> ASSIGNED TASK: Search the listing below for the line containing "#131=IFCLOCALPLACEMENT(#14,#2);". From there through the line containing "#137=IFCINDEXEDPOLYGONALFACE((5,7,8,6));", transcribe every line exactly, both ends included.

> PROVIDED RECORDS:
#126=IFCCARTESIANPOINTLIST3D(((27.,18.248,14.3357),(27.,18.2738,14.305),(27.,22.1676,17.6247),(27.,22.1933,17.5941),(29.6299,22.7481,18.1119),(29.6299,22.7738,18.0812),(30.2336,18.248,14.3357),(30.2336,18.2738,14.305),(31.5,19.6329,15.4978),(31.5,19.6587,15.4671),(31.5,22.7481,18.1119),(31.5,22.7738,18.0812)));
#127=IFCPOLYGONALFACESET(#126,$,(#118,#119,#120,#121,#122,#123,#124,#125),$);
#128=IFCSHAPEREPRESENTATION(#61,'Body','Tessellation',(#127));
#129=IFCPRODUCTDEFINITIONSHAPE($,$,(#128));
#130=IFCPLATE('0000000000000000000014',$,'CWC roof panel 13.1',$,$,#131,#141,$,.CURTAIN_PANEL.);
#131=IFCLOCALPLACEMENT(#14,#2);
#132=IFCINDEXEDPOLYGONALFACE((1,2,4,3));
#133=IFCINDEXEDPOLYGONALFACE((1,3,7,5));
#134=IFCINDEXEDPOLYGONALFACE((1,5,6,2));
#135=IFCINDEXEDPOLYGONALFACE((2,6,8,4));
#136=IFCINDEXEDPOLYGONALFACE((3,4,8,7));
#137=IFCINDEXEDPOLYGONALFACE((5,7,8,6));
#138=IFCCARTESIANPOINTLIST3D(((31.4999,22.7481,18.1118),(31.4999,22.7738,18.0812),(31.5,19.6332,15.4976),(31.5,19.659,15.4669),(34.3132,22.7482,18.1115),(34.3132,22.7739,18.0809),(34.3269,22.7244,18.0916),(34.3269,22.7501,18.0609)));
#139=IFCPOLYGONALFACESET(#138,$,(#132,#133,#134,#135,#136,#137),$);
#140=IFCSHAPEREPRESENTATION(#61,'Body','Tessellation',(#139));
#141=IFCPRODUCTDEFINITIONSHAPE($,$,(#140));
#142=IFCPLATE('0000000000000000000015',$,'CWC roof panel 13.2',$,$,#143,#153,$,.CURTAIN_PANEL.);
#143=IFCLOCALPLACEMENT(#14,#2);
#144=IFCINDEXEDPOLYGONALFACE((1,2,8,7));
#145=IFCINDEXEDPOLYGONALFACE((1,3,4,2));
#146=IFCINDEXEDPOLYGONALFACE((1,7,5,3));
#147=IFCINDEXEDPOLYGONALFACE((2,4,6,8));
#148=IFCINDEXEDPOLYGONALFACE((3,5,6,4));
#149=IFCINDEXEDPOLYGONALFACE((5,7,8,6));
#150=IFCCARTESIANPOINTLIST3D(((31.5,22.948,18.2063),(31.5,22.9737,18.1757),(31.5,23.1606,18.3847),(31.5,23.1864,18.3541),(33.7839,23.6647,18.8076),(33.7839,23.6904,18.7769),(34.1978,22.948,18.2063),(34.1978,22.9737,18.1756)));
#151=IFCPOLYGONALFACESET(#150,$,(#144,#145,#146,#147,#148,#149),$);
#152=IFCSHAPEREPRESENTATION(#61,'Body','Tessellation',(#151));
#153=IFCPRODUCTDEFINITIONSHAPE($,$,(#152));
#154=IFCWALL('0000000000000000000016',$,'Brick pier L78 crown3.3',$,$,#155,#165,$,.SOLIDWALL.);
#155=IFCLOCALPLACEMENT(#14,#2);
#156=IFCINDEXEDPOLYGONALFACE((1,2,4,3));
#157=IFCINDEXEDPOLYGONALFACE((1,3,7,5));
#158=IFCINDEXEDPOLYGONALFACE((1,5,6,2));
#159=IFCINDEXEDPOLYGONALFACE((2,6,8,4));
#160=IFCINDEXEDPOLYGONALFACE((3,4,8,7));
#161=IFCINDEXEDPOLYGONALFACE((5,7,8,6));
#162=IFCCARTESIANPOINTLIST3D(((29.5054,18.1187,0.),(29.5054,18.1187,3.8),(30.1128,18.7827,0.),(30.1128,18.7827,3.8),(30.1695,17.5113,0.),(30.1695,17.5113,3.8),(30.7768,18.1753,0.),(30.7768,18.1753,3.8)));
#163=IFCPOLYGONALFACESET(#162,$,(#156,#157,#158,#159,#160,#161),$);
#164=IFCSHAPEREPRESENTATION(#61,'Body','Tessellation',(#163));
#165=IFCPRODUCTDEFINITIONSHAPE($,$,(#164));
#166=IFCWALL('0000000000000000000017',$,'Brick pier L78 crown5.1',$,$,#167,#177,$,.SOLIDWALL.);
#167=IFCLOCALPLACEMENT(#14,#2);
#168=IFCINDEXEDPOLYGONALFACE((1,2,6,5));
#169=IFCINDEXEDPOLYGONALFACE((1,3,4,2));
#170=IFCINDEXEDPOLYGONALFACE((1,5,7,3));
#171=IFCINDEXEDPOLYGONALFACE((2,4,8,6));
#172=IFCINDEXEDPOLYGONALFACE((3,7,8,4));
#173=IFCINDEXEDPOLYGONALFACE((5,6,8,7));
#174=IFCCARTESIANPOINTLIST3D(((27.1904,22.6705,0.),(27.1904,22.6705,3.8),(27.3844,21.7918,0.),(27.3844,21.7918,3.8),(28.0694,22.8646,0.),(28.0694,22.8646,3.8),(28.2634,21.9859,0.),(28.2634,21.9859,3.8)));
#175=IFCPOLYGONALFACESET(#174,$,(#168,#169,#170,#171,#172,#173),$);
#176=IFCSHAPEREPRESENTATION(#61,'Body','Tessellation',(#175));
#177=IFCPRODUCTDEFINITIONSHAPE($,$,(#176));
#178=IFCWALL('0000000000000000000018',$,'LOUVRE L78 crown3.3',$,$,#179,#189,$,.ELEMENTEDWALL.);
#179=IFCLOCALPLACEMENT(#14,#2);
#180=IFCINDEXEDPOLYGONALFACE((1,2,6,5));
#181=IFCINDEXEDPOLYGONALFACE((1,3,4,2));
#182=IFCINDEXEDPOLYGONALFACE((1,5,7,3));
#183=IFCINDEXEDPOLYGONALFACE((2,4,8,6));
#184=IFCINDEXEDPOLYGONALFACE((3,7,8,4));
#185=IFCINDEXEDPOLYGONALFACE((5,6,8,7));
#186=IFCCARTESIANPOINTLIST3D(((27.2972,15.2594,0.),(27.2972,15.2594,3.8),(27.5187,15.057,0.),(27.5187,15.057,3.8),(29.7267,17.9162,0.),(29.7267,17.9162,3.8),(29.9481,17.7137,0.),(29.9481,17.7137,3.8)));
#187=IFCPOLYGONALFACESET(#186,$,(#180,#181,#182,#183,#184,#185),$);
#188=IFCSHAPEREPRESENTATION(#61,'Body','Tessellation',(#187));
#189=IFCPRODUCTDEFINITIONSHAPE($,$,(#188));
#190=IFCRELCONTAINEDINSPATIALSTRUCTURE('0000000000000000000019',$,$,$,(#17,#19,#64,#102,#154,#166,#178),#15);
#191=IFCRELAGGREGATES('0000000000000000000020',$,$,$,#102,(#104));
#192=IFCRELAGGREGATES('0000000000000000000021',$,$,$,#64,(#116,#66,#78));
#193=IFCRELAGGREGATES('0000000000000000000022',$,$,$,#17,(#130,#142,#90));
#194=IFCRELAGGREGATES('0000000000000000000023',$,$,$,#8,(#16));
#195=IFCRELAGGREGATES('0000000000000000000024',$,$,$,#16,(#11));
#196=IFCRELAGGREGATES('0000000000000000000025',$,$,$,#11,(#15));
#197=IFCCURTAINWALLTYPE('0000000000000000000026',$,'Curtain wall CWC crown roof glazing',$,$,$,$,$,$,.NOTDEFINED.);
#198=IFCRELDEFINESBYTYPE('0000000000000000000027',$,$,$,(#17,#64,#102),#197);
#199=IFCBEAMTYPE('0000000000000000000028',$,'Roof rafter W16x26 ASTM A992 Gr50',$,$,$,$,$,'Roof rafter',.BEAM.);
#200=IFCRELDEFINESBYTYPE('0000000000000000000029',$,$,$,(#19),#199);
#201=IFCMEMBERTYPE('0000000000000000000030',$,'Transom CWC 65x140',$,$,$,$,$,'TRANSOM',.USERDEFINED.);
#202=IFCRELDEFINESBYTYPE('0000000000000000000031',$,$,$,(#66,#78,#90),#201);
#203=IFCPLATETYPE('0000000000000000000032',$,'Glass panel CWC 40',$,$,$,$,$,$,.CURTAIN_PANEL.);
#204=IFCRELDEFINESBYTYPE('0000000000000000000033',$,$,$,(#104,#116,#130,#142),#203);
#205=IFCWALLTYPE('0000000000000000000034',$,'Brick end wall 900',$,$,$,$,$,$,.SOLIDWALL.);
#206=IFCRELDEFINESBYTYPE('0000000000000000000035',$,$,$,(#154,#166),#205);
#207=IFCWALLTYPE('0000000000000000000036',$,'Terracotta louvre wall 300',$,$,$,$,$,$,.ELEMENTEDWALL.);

> RESULT:
#131=IFCLOCALPLACEMENT(#14,#2);
#132=IFCINDEXEDPOLYGONALFACE((1,2,4,3));
#133=IFCINDEXEDPOLYGONALFACE((1,3,7,5));
#134=IFCINDEXEDPOLYGONALFACE((1,5,6,2));
#135=IFCINDEXEDPOLYGONALFACE((2,6,8,4));
#136=IFCINDEXEDPOLYGONALFACE((3,4,8,7));
#137=IFCINDEXEDPOLYGONALFACE((5,7,8,6));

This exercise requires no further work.